**Directions**
Counting only lines that contain "IFCRELASSOCIATESMATERIAL", how many are there in the records below? Give the figure alone.

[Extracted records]
▼

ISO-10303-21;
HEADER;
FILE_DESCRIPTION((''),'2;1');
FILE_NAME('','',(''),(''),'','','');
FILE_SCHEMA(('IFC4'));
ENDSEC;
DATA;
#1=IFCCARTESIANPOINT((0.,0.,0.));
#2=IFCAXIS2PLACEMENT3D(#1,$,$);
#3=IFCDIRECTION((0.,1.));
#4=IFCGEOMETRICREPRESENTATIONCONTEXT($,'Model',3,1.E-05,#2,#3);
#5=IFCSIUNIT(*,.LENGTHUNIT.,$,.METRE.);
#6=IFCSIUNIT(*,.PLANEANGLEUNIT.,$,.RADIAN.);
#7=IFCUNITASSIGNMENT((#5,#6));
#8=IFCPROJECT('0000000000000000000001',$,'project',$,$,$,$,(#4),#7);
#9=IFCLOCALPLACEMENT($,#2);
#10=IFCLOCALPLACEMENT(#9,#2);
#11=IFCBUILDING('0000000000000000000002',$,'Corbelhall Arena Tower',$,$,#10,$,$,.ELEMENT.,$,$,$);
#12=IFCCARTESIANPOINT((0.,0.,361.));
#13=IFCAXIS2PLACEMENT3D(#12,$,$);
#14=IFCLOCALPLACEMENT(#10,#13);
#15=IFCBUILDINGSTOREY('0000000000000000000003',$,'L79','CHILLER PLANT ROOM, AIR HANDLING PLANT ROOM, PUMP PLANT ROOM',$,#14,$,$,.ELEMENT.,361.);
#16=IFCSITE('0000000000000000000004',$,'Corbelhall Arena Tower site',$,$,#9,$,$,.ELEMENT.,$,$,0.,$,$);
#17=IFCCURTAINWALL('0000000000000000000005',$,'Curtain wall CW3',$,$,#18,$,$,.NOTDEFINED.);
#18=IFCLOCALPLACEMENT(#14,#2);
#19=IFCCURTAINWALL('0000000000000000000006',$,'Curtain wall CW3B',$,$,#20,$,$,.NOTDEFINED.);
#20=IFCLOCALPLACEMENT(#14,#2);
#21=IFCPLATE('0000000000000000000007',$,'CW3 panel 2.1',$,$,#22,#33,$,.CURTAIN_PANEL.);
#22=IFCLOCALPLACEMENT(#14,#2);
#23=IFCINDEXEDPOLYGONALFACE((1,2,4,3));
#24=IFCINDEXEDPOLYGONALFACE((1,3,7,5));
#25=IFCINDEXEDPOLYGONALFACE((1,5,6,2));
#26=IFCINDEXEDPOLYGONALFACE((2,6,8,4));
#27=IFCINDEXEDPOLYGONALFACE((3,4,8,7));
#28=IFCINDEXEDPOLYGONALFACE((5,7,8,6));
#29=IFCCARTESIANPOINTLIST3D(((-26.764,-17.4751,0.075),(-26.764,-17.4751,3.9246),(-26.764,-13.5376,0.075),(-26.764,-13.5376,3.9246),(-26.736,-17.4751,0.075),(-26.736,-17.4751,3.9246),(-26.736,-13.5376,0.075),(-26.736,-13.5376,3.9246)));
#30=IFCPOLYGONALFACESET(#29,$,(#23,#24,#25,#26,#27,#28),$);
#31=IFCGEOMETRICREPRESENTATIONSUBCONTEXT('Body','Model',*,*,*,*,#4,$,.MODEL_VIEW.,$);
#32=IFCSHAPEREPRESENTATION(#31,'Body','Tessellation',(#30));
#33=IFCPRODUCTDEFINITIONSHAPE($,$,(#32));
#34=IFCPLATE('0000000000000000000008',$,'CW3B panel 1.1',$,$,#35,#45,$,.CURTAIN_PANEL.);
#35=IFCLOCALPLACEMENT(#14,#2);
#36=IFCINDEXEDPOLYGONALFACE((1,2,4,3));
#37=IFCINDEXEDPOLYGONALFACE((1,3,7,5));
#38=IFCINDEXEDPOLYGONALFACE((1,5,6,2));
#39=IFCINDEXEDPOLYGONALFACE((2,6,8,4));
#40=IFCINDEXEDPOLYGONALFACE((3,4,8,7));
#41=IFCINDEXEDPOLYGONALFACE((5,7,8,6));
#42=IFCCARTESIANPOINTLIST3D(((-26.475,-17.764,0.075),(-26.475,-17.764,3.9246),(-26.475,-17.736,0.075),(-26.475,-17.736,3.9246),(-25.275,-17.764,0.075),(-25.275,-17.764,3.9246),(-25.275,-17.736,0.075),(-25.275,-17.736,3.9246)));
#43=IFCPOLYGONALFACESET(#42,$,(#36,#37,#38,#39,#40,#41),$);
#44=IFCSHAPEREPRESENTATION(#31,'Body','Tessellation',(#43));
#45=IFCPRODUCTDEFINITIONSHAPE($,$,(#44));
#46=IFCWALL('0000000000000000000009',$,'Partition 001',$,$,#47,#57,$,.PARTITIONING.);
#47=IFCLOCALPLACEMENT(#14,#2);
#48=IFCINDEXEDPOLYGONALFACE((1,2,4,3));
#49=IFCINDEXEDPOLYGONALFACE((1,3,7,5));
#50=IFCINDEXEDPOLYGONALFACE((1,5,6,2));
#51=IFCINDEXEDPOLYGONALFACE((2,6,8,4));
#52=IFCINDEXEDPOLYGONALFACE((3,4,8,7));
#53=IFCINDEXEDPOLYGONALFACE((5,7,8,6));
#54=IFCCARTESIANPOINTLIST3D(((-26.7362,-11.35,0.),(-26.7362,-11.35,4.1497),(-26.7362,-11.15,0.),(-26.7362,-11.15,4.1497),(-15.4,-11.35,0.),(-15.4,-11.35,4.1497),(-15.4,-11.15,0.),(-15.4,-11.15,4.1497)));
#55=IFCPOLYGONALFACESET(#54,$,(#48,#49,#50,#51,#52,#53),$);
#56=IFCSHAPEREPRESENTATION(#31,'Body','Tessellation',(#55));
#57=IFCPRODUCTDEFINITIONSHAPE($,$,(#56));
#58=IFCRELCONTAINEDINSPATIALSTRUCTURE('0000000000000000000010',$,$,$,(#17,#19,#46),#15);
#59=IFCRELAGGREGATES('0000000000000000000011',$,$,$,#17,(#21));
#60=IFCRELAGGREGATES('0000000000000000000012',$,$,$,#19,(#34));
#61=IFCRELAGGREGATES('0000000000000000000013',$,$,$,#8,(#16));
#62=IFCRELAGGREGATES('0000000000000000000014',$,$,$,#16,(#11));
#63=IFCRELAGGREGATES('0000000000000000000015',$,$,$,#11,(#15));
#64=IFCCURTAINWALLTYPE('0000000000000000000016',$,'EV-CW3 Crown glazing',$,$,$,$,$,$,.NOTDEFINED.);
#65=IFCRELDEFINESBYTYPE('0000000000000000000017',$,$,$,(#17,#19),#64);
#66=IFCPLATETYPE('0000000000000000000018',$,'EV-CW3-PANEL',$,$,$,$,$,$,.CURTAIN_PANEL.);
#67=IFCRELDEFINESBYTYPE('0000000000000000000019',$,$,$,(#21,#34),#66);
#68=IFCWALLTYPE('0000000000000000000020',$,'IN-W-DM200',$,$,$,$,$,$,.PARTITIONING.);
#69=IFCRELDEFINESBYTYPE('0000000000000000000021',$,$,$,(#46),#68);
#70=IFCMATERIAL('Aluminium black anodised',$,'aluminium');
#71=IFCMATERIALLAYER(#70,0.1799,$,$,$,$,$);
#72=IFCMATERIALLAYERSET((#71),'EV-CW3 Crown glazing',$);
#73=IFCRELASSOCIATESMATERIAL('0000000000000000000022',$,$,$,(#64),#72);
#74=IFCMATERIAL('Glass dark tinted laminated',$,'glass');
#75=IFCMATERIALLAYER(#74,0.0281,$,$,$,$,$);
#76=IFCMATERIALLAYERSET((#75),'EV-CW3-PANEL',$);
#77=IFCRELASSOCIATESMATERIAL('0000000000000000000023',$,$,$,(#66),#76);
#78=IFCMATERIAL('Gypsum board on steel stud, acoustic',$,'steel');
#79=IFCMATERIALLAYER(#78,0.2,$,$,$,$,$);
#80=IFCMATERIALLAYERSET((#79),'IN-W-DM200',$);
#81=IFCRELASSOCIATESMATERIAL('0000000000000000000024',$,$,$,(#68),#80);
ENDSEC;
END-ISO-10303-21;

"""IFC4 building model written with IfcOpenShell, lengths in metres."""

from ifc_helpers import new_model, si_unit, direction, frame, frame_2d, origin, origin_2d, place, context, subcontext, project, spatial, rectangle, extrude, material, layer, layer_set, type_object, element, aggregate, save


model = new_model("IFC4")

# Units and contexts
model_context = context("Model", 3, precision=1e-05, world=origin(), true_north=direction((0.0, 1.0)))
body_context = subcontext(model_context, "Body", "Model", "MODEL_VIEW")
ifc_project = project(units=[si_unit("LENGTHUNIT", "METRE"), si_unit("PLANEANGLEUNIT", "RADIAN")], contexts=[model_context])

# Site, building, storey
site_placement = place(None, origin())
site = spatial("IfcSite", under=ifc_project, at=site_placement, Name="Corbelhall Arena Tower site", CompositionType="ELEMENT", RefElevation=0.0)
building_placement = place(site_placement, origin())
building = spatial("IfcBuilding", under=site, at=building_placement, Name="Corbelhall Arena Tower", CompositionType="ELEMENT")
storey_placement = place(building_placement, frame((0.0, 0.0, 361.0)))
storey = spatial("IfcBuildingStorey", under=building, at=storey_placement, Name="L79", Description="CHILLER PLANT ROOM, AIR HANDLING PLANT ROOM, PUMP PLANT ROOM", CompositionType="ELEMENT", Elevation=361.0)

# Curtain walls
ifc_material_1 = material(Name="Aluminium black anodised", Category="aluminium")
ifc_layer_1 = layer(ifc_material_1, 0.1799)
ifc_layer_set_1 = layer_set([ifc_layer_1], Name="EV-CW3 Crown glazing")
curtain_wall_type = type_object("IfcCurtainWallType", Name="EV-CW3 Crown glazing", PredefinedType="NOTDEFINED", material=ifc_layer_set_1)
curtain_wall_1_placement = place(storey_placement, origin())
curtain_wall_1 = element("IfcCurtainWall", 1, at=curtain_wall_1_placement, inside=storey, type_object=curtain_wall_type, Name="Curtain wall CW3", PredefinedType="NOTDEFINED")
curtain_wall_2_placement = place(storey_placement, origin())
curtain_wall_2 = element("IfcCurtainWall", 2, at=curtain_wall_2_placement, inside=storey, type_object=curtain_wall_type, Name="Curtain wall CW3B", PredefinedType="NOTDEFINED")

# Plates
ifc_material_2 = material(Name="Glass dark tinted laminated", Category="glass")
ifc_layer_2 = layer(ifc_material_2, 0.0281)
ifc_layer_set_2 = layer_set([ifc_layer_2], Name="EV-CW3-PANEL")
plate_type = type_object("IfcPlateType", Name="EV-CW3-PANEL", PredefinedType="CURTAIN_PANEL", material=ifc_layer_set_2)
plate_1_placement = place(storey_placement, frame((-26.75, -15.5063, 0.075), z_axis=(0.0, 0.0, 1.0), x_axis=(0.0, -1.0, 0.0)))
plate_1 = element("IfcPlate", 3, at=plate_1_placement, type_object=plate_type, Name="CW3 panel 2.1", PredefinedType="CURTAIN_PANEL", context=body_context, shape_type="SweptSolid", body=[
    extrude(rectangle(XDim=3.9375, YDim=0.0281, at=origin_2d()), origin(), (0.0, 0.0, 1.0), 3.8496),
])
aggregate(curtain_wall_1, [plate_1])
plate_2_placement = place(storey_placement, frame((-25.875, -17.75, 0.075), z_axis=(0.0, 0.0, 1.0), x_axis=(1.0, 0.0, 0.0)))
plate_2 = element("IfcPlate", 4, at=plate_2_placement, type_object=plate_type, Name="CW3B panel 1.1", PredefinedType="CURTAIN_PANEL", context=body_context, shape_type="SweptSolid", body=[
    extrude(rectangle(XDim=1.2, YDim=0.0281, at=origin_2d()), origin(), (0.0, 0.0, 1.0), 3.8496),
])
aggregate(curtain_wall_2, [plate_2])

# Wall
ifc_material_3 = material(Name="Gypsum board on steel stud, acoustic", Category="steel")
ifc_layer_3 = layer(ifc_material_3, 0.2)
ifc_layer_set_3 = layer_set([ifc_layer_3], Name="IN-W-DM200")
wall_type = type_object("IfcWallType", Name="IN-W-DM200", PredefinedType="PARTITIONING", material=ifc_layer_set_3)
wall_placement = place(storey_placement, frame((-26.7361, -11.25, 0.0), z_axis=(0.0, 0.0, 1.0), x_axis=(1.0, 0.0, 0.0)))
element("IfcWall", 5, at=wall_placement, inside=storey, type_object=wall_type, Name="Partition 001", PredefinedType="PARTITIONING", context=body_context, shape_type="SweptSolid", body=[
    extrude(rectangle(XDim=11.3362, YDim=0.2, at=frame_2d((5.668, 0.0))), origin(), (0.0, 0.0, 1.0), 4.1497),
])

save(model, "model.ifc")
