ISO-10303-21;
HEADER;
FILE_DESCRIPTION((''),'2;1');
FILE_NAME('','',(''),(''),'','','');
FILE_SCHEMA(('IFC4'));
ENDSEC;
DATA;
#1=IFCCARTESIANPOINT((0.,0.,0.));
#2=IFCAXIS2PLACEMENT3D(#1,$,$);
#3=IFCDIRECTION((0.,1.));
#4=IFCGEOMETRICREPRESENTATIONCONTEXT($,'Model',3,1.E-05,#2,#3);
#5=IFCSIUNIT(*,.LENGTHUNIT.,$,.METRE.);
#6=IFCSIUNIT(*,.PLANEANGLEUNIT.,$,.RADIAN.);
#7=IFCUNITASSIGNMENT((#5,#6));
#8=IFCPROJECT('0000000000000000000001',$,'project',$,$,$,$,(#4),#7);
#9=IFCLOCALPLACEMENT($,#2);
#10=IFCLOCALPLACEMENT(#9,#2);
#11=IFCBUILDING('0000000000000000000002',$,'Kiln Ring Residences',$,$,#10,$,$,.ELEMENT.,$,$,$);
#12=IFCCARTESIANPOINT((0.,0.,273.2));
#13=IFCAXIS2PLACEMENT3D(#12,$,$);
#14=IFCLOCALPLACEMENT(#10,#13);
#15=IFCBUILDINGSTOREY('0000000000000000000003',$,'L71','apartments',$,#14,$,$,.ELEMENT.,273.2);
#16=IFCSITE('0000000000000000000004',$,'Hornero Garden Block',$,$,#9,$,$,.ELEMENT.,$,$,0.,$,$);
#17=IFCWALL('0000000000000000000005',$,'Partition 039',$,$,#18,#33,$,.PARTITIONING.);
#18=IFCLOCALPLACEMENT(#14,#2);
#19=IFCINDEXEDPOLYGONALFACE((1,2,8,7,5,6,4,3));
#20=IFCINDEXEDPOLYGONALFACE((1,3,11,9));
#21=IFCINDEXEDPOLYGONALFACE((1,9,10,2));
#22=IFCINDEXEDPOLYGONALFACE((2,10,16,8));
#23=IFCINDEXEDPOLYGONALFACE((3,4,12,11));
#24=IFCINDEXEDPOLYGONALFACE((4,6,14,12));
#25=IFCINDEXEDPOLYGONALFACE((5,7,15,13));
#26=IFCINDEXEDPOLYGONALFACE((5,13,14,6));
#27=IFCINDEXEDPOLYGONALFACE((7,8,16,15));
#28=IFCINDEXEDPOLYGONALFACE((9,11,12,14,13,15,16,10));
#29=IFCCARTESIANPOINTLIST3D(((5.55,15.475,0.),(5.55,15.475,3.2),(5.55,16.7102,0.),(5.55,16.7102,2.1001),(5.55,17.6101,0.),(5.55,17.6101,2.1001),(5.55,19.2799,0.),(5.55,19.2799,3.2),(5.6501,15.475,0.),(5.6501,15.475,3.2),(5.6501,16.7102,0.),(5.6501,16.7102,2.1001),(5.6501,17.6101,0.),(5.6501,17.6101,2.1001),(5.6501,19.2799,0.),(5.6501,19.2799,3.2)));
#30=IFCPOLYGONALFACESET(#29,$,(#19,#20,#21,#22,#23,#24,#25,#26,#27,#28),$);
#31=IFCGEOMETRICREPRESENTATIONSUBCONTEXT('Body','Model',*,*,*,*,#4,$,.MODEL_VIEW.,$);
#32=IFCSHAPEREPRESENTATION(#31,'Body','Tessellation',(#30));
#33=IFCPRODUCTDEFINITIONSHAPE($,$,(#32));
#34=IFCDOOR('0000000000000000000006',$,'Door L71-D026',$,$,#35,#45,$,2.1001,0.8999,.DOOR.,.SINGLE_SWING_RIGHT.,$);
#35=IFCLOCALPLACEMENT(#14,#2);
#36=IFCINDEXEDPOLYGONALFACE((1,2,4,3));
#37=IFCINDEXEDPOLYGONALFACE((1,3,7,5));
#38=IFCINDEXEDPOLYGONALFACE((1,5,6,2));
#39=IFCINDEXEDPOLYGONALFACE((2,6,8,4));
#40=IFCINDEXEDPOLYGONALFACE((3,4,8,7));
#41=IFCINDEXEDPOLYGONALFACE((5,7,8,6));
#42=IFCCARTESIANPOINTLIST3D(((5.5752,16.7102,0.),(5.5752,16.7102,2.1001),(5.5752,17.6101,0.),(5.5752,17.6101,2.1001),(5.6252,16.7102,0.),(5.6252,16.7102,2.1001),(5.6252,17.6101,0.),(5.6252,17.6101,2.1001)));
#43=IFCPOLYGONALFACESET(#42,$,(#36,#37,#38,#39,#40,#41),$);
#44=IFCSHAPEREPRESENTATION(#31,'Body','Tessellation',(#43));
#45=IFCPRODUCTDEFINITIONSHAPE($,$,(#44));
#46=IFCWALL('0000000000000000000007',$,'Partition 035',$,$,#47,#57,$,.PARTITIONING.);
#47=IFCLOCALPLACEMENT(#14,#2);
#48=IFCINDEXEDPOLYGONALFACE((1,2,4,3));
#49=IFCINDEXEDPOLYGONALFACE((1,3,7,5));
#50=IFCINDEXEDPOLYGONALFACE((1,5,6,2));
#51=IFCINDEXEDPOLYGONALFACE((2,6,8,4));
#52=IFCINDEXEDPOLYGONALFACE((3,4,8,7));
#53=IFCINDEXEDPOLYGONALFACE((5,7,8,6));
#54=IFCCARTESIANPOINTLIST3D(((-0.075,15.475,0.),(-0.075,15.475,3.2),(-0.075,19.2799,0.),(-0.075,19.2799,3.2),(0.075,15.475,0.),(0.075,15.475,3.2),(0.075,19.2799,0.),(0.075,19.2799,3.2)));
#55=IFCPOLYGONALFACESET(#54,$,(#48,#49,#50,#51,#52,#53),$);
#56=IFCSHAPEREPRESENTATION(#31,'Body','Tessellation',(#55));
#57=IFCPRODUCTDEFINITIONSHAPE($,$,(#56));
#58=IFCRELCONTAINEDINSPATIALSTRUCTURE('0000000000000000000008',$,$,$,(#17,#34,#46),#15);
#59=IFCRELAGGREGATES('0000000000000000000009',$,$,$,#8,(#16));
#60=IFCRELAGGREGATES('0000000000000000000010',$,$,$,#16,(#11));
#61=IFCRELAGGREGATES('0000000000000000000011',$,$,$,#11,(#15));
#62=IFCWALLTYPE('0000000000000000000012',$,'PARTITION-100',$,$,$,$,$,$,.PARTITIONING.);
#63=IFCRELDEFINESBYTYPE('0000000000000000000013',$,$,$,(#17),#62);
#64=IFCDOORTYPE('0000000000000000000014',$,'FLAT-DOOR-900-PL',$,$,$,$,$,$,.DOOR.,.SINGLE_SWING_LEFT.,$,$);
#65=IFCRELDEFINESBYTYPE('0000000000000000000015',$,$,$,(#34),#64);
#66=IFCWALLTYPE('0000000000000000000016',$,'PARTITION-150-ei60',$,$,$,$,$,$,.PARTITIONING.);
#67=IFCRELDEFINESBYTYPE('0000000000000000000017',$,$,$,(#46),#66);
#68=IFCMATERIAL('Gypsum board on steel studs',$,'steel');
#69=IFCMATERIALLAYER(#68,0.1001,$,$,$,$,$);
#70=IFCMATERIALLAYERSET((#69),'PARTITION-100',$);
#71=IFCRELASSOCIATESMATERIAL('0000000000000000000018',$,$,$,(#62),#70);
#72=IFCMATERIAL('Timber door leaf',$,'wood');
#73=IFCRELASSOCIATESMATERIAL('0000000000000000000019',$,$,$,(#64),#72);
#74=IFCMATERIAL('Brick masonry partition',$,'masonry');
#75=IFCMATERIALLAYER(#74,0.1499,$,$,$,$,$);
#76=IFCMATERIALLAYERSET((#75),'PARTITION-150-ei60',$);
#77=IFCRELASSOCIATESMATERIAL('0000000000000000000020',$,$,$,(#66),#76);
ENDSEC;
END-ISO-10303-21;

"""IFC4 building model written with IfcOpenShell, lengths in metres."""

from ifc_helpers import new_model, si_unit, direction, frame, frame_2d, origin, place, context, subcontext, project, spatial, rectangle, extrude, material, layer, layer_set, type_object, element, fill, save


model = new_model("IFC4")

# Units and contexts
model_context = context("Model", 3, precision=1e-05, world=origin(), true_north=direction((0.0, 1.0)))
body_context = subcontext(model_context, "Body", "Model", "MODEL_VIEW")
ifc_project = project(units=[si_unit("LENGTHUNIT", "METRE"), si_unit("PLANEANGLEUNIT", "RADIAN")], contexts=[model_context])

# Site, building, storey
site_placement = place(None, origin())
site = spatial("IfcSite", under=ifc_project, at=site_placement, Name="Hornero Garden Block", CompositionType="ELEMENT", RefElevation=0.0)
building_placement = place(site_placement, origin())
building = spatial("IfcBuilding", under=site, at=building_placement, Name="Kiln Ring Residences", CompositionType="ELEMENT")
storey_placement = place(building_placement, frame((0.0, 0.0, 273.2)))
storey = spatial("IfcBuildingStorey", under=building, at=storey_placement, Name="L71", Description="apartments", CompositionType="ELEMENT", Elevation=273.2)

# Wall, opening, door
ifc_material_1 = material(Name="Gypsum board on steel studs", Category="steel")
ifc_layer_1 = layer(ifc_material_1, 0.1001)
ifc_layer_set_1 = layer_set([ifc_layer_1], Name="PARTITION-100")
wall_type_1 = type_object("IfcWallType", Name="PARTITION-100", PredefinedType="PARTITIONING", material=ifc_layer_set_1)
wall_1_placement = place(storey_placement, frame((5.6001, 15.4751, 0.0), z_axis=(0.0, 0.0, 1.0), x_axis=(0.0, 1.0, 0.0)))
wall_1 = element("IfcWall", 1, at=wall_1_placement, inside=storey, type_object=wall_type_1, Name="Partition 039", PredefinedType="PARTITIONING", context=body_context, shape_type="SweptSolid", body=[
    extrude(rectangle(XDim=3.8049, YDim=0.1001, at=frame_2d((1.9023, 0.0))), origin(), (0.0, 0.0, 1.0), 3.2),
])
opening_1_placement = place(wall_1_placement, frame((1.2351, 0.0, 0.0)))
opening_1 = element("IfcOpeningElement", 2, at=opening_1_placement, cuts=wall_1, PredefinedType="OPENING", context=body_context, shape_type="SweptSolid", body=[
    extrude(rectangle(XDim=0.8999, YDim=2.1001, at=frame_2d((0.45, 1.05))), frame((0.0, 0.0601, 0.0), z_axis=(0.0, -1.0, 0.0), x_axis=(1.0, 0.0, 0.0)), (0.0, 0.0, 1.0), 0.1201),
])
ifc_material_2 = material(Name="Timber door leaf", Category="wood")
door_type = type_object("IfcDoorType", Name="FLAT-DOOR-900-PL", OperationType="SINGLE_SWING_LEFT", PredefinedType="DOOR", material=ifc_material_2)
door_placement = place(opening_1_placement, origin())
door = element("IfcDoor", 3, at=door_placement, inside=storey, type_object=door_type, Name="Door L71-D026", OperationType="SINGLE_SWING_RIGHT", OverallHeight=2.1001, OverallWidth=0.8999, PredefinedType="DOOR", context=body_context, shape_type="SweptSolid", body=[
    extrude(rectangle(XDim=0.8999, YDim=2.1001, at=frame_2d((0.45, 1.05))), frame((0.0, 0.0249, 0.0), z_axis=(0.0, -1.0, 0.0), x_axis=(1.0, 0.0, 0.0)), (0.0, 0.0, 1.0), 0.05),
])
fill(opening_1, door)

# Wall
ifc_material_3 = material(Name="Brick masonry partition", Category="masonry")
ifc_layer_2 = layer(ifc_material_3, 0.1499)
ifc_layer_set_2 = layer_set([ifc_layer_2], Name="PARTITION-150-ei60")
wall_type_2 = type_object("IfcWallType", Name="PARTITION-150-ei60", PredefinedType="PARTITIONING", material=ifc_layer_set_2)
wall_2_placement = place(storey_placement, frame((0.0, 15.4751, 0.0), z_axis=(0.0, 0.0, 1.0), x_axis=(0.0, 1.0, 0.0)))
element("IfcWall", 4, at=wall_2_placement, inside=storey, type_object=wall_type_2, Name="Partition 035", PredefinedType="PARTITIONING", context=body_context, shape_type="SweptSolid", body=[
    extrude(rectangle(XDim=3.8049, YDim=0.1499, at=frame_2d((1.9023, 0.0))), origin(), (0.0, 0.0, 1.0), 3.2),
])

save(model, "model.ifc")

▲

**Expected output**
6